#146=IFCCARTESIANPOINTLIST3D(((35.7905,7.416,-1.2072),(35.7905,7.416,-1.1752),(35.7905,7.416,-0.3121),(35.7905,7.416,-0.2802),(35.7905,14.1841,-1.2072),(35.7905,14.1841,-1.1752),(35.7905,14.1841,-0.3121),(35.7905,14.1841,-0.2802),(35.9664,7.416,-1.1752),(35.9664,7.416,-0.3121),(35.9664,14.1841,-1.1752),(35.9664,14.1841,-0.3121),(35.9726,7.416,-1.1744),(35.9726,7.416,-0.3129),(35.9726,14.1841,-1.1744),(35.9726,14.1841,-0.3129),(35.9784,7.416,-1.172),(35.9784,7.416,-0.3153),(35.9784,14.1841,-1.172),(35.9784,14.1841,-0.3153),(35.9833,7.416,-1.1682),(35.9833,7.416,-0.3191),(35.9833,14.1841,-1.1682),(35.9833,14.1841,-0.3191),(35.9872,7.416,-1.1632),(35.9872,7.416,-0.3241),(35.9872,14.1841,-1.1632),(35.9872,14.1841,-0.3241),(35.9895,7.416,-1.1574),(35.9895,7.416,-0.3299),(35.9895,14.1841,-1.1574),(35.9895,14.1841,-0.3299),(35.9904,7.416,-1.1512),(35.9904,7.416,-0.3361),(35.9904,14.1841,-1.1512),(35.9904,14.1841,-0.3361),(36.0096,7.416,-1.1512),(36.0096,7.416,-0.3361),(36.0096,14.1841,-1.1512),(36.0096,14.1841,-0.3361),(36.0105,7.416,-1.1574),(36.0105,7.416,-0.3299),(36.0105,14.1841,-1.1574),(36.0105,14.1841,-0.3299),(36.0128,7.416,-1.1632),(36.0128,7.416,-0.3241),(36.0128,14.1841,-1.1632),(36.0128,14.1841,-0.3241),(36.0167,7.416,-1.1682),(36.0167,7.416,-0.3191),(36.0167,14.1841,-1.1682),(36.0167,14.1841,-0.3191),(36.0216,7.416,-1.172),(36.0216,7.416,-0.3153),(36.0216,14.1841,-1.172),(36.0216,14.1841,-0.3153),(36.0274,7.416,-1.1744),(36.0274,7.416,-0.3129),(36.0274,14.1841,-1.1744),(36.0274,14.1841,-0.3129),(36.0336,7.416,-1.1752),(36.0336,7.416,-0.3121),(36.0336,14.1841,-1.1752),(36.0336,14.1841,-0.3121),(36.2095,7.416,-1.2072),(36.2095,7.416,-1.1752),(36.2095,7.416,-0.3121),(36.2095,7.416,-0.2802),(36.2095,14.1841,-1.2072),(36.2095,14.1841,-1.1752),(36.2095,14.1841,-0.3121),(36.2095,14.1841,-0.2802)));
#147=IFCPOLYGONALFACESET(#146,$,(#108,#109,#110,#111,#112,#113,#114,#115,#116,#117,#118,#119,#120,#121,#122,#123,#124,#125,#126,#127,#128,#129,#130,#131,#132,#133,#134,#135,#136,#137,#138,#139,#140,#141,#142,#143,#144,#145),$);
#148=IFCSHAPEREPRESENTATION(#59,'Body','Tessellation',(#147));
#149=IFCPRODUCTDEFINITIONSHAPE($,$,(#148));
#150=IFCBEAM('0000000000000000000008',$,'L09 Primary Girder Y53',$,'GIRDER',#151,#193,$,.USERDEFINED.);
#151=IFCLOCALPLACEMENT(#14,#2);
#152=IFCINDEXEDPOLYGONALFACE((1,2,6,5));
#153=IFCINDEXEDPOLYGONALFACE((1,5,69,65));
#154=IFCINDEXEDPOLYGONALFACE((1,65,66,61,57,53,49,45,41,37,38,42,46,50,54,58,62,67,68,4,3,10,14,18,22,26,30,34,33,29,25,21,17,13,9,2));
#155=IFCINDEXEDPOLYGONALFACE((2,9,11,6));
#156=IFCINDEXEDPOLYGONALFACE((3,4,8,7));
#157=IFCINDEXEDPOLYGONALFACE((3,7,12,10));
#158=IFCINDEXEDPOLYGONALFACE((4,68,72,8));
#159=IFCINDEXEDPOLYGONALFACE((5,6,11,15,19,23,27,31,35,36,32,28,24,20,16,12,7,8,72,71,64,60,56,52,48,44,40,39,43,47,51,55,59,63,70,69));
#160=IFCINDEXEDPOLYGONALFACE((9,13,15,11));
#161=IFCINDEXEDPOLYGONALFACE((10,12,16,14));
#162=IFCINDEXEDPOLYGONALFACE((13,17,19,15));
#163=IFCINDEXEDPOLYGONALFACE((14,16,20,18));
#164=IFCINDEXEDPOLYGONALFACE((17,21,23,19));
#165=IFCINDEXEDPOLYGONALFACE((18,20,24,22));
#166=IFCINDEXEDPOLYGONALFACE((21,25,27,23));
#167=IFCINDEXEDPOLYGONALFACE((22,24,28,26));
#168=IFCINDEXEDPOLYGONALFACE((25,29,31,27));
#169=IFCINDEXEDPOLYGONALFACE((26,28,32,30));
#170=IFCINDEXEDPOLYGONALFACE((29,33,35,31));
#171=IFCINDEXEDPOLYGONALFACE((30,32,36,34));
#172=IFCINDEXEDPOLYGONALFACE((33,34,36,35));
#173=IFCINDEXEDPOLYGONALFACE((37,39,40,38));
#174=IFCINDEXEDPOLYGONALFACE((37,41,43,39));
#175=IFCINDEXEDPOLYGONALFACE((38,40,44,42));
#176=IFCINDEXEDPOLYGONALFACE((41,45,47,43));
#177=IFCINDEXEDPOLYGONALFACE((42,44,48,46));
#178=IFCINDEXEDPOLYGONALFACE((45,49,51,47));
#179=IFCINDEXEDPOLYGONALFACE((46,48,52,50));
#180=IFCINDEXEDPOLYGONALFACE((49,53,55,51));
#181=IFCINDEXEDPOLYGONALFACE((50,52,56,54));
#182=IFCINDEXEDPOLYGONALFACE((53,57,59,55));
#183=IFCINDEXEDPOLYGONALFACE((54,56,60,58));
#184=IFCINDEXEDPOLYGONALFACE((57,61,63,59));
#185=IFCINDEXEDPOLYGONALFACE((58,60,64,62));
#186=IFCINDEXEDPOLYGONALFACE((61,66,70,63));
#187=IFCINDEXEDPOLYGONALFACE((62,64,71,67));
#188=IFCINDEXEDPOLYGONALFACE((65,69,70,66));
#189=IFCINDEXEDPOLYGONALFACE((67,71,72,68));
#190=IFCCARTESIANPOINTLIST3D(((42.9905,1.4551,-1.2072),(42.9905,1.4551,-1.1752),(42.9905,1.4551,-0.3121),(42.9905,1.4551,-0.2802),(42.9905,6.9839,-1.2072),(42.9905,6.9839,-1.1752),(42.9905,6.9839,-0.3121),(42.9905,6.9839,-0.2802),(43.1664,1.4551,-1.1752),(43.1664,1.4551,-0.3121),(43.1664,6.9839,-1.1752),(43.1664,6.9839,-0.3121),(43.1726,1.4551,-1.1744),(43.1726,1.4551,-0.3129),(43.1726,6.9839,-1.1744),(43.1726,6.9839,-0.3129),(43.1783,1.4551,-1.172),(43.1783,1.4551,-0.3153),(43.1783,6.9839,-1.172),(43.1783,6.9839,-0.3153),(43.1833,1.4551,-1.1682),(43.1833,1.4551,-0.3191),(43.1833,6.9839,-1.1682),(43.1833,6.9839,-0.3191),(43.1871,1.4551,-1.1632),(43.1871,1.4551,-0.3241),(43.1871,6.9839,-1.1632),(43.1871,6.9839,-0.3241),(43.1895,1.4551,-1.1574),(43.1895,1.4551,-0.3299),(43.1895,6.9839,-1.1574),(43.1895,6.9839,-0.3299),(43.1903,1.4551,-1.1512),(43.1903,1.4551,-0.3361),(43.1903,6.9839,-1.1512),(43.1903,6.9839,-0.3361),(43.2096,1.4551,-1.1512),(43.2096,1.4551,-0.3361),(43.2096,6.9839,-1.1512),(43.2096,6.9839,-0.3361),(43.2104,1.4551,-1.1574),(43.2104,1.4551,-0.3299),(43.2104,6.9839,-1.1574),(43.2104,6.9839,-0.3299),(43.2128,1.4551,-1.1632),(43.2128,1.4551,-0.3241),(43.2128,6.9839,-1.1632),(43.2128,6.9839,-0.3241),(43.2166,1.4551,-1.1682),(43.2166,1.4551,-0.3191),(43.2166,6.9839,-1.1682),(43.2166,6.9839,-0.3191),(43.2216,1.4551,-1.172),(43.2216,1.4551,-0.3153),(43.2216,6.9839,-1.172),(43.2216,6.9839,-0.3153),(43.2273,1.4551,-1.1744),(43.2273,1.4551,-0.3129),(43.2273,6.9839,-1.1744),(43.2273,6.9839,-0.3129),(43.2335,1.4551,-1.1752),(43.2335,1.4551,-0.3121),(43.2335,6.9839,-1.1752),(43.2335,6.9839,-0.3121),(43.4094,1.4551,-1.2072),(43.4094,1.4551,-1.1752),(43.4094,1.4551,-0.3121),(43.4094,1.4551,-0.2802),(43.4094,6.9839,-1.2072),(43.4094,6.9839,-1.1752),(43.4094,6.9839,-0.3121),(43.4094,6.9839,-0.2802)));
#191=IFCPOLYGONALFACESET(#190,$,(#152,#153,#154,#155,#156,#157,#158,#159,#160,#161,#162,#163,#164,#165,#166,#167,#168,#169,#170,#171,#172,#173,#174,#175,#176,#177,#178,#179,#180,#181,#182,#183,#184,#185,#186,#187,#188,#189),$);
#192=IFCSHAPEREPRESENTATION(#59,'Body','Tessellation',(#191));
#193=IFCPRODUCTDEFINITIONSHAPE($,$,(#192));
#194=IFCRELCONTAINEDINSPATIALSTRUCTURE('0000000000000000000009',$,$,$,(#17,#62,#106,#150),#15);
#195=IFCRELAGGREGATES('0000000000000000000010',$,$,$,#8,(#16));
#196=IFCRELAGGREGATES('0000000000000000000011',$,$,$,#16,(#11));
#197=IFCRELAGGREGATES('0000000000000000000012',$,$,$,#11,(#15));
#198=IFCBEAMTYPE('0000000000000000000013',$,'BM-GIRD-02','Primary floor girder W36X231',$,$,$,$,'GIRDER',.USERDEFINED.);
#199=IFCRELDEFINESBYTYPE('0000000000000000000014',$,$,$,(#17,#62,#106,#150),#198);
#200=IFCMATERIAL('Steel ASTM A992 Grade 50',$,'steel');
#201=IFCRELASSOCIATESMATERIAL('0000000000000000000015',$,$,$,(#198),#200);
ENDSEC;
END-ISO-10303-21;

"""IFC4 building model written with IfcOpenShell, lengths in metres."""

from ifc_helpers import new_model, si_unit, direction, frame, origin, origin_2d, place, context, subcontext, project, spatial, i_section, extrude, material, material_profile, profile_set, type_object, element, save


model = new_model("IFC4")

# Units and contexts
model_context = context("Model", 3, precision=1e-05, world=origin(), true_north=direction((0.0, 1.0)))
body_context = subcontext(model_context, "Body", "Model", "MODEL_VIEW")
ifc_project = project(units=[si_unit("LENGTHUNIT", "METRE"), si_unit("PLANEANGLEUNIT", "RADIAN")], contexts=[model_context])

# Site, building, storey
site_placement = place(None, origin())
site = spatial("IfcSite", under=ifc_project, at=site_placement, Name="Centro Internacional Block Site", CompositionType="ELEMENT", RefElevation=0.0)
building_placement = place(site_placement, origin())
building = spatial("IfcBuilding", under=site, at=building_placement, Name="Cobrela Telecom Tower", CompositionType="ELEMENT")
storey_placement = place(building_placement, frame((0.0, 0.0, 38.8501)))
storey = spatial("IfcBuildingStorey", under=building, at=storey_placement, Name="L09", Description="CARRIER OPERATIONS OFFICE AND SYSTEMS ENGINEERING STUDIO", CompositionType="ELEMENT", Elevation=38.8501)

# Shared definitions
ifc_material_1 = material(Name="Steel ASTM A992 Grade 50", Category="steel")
+===+
Copy out only the lines above from the one with "#180=IFCINDEXEDPOLYGONALFACE((49,53,55,51));" to the one with "#189=IFCINDEXEDPOLYGONALFACE((67,71,72,68));", inclusive, exactly as they stand.

_OUTPUT_:
#180=IFCINDEXEDPOLYGONALFACE((49,53,55,51));
#181=IFCINDEXEDPOLYGONALFACE((50,52,56,54));
#182=IFCINDEXEDPOLYGONALFACE((53,57,59,55));
#183=IFCINDEXEDPOLYGONALFACE((54,56,60,58));
#184=IFCINDEXEDPOLYGONALFACE((57,61,63,59));
#185=IFCINDEXEDPOLYGONALFACE((58,60,64,62));
#186=IFCINDEXEDPOLYGONALFACE((61,66,70,63));
#187=IFCINDEXEDPOLYGONALFACE((62,64,71,67));
#188=IFCINDEXEDPOLYGONALFACE((65,69,70,66));
#189=IFCINDEXEDPOLYGONALFACE((67,71,72,68));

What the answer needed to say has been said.